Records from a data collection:
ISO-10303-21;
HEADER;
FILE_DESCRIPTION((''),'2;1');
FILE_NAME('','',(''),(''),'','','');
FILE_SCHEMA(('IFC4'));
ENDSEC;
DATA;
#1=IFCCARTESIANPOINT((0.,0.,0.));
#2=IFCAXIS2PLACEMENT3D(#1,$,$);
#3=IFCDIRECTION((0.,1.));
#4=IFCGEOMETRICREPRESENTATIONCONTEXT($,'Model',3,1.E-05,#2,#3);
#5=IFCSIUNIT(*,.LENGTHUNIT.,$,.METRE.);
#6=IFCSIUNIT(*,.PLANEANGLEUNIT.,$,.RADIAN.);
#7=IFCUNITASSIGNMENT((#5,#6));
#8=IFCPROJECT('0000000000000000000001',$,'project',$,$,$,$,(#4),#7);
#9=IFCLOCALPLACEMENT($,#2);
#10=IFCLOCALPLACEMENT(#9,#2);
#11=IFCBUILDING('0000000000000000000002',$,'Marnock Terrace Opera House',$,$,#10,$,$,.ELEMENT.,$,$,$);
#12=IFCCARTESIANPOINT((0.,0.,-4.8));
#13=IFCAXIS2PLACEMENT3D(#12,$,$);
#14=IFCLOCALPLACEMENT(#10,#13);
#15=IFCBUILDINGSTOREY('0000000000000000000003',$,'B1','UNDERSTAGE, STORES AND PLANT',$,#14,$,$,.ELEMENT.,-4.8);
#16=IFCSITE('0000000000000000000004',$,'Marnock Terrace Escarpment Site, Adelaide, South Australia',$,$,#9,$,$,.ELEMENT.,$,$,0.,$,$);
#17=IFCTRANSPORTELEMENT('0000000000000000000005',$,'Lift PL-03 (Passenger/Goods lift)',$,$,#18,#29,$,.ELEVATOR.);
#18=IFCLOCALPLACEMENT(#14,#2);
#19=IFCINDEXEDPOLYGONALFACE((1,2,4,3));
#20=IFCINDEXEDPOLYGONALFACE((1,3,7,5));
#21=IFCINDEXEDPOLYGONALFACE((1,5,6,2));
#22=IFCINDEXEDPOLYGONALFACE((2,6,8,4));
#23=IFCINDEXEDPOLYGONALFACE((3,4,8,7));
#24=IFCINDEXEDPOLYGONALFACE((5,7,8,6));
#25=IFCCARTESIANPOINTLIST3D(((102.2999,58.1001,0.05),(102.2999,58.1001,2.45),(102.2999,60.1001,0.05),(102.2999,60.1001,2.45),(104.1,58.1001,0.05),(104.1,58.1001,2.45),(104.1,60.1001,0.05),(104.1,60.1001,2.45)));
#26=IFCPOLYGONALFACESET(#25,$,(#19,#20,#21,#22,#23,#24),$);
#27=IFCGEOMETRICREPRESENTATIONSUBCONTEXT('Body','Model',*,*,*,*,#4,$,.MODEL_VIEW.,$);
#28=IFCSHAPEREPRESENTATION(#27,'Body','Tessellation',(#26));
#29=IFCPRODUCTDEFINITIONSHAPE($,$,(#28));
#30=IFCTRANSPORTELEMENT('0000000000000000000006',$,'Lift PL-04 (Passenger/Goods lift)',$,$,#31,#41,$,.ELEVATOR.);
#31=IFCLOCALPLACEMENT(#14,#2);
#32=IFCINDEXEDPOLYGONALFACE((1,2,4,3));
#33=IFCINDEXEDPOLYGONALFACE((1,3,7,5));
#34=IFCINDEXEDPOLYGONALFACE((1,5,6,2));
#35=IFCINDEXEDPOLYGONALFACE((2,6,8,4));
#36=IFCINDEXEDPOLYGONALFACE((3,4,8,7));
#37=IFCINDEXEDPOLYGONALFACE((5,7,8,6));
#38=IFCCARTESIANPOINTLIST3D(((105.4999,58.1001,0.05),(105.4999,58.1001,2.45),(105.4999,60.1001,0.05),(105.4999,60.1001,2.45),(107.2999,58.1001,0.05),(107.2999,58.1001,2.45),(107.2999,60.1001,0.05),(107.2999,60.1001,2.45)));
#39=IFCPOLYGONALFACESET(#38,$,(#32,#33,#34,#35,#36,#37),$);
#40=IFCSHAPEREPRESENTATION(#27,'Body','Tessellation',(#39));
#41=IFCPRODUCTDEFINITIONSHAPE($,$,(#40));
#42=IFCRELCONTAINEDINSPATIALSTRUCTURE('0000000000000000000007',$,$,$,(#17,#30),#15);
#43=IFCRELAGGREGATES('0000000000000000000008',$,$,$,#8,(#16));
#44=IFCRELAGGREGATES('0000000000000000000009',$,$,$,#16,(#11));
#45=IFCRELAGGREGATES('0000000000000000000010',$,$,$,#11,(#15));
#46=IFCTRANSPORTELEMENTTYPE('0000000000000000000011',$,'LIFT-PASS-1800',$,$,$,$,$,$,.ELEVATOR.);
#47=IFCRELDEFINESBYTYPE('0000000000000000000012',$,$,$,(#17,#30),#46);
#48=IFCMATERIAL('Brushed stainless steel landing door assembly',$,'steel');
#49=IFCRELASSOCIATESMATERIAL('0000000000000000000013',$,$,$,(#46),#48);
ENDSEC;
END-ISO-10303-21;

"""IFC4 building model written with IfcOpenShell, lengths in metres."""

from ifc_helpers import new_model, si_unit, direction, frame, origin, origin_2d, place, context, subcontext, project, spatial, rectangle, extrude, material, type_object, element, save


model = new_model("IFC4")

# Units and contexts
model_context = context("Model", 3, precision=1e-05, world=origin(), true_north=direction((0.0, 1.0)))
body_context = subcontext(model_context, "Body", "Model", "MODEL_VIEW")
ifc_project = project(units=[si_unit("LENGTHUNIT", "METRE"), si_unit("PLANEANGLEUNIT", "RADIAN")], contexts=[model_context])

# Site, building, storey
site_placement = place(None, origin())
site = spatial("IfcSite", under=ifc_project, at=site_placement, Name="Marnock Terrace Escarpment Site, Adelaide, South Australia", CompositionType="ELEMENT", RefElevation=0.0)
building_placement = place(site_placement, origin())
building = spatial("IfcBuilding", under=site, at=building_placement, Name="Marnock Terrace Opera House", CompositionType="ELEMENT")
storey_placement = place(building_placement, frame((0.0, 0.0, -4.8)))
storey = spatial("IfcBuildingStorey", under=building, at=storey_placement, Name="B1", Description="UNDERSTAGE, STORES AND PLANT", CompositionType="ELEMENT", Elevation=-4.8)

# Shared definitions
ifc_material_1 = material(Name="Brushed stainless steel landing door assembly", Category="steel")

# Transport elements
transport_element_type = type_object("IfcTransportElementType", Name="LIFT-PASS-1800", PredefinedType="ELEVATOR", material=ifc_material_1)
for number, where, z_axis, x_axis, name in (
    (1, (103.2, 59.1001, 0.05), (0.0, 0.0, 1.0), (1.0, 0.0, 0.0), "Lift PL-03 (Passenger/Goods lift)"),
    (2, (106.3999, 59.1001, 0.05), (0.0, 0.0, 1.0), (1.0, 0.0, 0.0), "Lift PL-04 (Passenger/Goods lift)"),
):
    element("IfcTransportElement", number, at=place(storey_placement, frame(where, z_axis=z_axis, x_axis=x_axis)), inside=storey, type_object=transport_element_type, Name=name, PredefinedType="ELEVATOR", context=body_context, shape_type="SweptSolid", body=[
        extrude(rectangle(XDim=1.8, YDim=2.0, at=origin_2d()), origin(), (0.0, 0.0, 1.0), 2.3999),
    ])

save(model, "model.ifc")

▶ **To do**
Return all entries exactly.

▶ **Solution below**
ISO-10303-21;
HEADER;
FILE_DESCRIPTION((''),'2;1');
FILE_NAME('','',(''),(''),'','','');
FILE_SCHEMA(('IFC4'));
ENDSEC;
DATA;
#1=IFCCARTESIANPOINT((0.,0.,0.));
#2=IFCAXIS2PLACEMENT3D(#1,$,$);
#3=IFCDIRECTION((0.,1.));
#4=IFCGEOMETRICREPRESENTATIONCONTEXT($,'Model',3,1.E-05,#2,#3);
#5=IFCSIUNIT(*,.LENGTHUNIT.,$,.METRE.);
#6=IFCSIUNIT(*,.PLANEANGLEUNIT.,$,.RADIAN.);
#7=IFCUNITASSIGNMENT((#5,#6));
#8=IFCPROJECT('0000000000000000000001',$,'project',$,$,$,$,(#4),#7);
#9=IFCLOCALPLACEMENT($,#2);
#10=IFCLOCALPLACEMENT(#9,#2);
#11=IFCBUILDING('0000000000000000000002',$,'Marnock Terrace Opera House',$,$,#10,$,$,.ELEMENT.,$,$,$);
#12=IFCCARTESIANPOINT((0.,0.,-4.8));
#13=IFCAXIS2PLACEMENT3D(#12,$,$);
#14=IFCLOCALPLACEMENT(#10,#13);
#15=IFCBUILDINGSTOREY('0000000000000000000003',$,'B1','UNDERSTAGE, STORES AND PLANT',$,#14,$,$,.ELEMENT.,-4.8);
#16=IFCSITE('0000000000000000000004',$,'Marnock Terrace Escarpment Site, Adelaide, South Australia',$,$,#9,$,$,.ELEMENT.,$,$,0.,$,$);
#17=IFCTRANSPORTELEMENT('0000000000000000000005',$,'Lift PL-03 (Passenger/Goods lift)',$,$,#18,#29,$,.ELEVATOR.);
#18=IFCLOCALPLACEMENT(#14,#2);
#19=IFCINDEXEDPOLYGONALFACE((1,2,4,3));
#20=IFCINDEXEDPOLYGONALFACE((1,3,7,5));
#21=IFCINDEXEDPOLYGONALFACE((1,5,6,2));
#22=IFCINDEXEDPOLYGONALFACE((2,6,8,4));
#23=IFCINDEXEDPOLYGONALFACE((3,4,8,7));
#24=IFCINDEXEDPOLYGONALFACE((5,7,8,6));
#25=IFCCARTESIANPOINTLIST3D(((102.2999,58.1001,0.05),(102.2999,58.1001,2.45),(102.2999,60.1001,0.05),(102.2999,60.1001,2.45),(104.1,58.1001,0.05),(104.1,58.1001,2.45),(104.1,60.1001,0.05),(104.1,60.1001,2.45)));
#26=IFCPOLYGONALFACESET(#25,$,(#19,#20,#21,#22,#23,#24),$);
#27=IFCGEOMETRICREPRESENTATIONSUBCONTEXT('Body','Model',*,*,*,*,#4,$,.MODEL_VIEW.,$);
#28=IFCSHAPEREPRESENTATION(#27,'Body','Tessellation',(#26));
#29=IFCPRODUCTDEFINITIONSHAPE($,$,(#28));
#30=IFCTRANSPORTELEMENT('0000000000000000000006',$,'Lift PL-04 (Passenger/Goods lift)',$,$,#31,#41,$,.ELEVATOR.);
#31=IFCLOCALPLACEMENT(#14,#2);
#32=IFCINDEXEDPOLYGONALFACE((1,2,4,3));
#33=IFCINDEXEDPOLYGONALFACE((1,3,7,5));
#34=IFCINDEXEDPOLYGONALFACE((1,5,6,2));
#35=IFCINDEXEDPOLYGONALFACE((2,6,8,4));
#36=IFCINDEXEDPOLYGONALFACE((3,4,8,7));
#37=IFCINDEXEDPOLYGONALFACE((5,7,8,6));
#38=IFCCARTESIANPOINTLIST3D(((105.4999,58.1001,0.05),(105.4999,58.1001,2.45),(105.4999,60.1001,0.05),(105.4999,60.1001,2.45),(107.2999,58.1001,0.05),(107.2999,58.1001,2.45),(107.2999,60.1001,0.05),(107.2999,60.1001,2.45)));
#39=IFCPOLYGONALFACESET(#38,$,(#32,#33,#34,#35,#36,#37),$);
#40=IFCSHAPEREPRESENTATION(#27,'Body','Tessellation',(#39));
#41=IFCPRODUCTDEFINITIONSHAPE($,$,(#40));
#42=IFCRELCONTAINEDINSPATIALSTRUCTURE('0000000000000000000007',$,$,$,(#17,#30),#15);
#43=IFCRELAGGREGATES('0000000000000000000008',$,$,$,#8,(#16));
#44=IFCRELAGGREGATES('0000000000000000000009',$,$,$,#16,(#11));
#45=IFCRELAGGREGATES('0000000000000000000010',$,$,$,#11,(#15));
#46=IFCTRANSPORTELEMENTTYPE('0000000000000000000011',$,'LIFT-PASS-1800',$,$,$,$,$,$,.ELEVATOR.);
#47=IFCRELDEFINESBYTYPE('0000000000000000000012',$,$,$,(#17,#30),#46);
#48=IFCMATERIAL('Brushed stainless steel landing door assembly',$,'steel');
#49=IFCRELASSOCIATESMATERIAL('0000000000000000000013',$,$,$,(#46),#48);
ENDSEC;
END-ISO-10303-21;

"""IFC4 building model written with IfcOpenShell, lengths in metres."""

from ifc_helpers import new_model, si_unit, direction, frame, origin, origin_2d, place, context, subcontext, project, spatial, rectangle, extrude, material, type_object, element, save


model = new_model("IFC4")

# Units and contexts
model_context = context("Model", 3, precision=1e-05, world=origin(), true_north=direction((0.0, 1.0)))
body_context = subcontext(model_context, "Body", "Model", "MODEL_VIEW")
ifc_project = project(units=[si_unit("LENGTHUNIT", "METRE"), si_unit("PLANEANGLEUNIT", "RADIAN")], contexts=[model_context])

# Site, building, storey
site_placement = place(None, origin())
site = spatial("IfcSite", under=ifc_project, at=site_placement, Name="Marnock Terrace Escarpment Site, Adelaide, South Australia", CompositionType="ELEMENT", RefElevation=0.0)
building_placement = place(site_placement, origin())
building = spatial("IfcBuilding", under=site, at=building_placement, Name="Marnock Terrace Opera House", CompositionType="ELEMENT")
storey_placement = place(building_placement, frame((0.0, 0.0, -4.8)))
storey = spatial("IfcBuildingStorey", under=building, at=storey_placement, Name="B1", Description="UNDERSTAGE, STORES AND PLANT", CompositionType="ELEMENT", Elevation=-4.8)

# Shared definitions
ifc_material_1 = material(Name="Brushed stainless steel landing door assembly", Category="steel")

# Transport elements
transport_element_type = type_object("IfcTransportElementType", Name="LIFT-PASS-1800", PredefinedType="ELEVATOR", material=ifc_material_1)
for number, where, z_axis, x_axis, name in (
    (1, (103.2, 59.1001, 0.05), (0.0, 0.0, 1.0), (1.0, 0.0, 0.0), "Lift PL-03 (Passenger/Goods lift)"),
    (2, (106.3999, 59.1001, 0.05), (0.0, 0.0, 1.0), (1.0, 0.0, 0.0), "Lift PL-04 (Passenger/Goods lift)"),
):
    element("IfcTransportElement", number, at=place(storey_placement, frame(where, z_axis=z_axis, x_axis=x_axis)), inside=storey, type_object=transport_element_type, Name=name, PredefinedType="ELEVATOR", context=body_context, shape_type="SweptSolid", body=[
        extrude(rectangle(XDim=1.8, YDim=2.0, at=origin_2d()), origin(), (0.0, 0.0, 1.0), 2.3999),
    ])

save(model, "model.ifc")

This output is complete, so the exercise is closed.